Collected data entries
=-=-=-=-=
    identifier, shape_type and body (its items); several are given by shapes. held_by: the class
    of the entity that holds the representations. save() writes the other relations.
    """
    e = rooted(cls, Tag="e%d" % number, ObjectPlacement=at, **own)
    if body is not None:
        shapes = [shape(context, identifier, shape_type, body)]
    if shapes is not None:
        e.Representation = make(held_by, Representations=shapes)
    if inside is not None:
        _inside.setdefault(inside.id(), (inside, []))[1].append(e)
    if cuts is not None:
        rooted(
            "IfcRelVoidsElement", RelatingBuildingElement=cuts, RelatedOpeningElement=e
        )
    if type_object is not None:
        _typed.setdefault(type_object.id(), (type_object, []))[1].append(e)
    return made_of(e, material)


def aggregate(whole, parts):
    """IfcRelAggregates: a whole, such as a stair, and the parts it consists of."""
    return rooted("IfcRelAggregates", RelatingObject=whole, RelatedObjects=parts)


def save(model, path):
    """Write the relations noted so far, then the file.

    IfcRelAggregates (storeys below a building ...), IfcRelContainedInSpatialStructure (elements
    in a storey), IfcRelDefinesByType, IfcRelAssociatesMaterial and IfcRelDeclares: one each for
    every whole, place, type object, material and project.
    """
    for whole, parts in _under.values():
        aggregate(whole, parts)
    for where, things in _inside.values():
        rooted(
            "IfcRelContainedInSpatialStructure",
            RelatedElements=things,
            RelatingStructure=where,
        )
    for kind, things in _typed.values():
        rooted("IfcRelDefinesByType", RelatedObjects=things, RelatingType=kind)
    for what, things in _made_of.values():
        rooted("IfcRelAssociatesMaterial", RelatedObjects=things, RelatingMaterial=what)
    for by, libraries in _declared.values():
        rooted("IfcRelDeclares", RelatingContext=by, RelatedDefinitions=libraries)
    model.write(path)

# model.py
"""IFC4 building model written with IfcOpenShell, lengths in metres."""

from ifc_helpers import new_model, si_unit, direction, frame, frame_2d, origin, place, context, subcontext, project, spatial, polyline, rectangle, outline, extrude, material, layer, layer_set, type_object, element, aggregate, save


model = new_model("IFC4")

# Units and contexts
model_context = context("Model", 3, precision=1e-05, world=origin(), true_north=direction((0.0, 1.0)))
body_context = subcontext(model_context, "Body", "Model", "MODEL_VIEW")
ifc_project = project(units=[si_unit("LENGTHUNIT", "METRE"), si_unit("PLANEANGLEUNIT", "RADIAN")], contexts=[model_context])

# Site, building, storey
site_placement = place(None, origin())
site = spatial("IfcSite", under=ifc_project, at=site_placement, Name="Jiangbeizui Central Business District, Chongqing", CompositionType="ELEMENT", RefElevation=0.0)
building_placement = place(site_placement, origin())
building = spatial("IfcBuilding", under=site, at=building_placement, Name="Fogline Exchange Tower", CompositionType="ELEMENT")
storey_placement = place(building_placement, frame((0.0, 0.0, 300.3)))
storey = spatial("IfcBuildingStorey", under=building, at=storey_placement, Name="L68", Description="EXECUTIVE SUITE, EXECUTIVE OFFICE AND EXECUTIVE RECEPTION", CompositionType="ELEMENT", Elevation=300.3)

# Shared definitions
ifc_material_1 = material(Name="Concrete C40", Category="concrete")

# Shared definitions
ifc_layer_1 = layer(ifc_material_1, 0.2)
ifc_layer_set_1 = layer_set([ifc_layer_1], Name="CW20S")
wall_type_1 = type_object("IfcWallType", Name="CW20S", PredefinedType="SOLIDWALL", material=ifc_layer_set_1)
=-=-=-=-=
DIRECTIONS FOR THIS TASK = Only lines that contain the string "libraries" count; pick each one out of the records and copy it.

REPLY TO THE TASK =
    for by, libraries in _declared.values():
        rooted("IfcRelDeclares", RelatingContext=by, RelatedDefinitions=libraries)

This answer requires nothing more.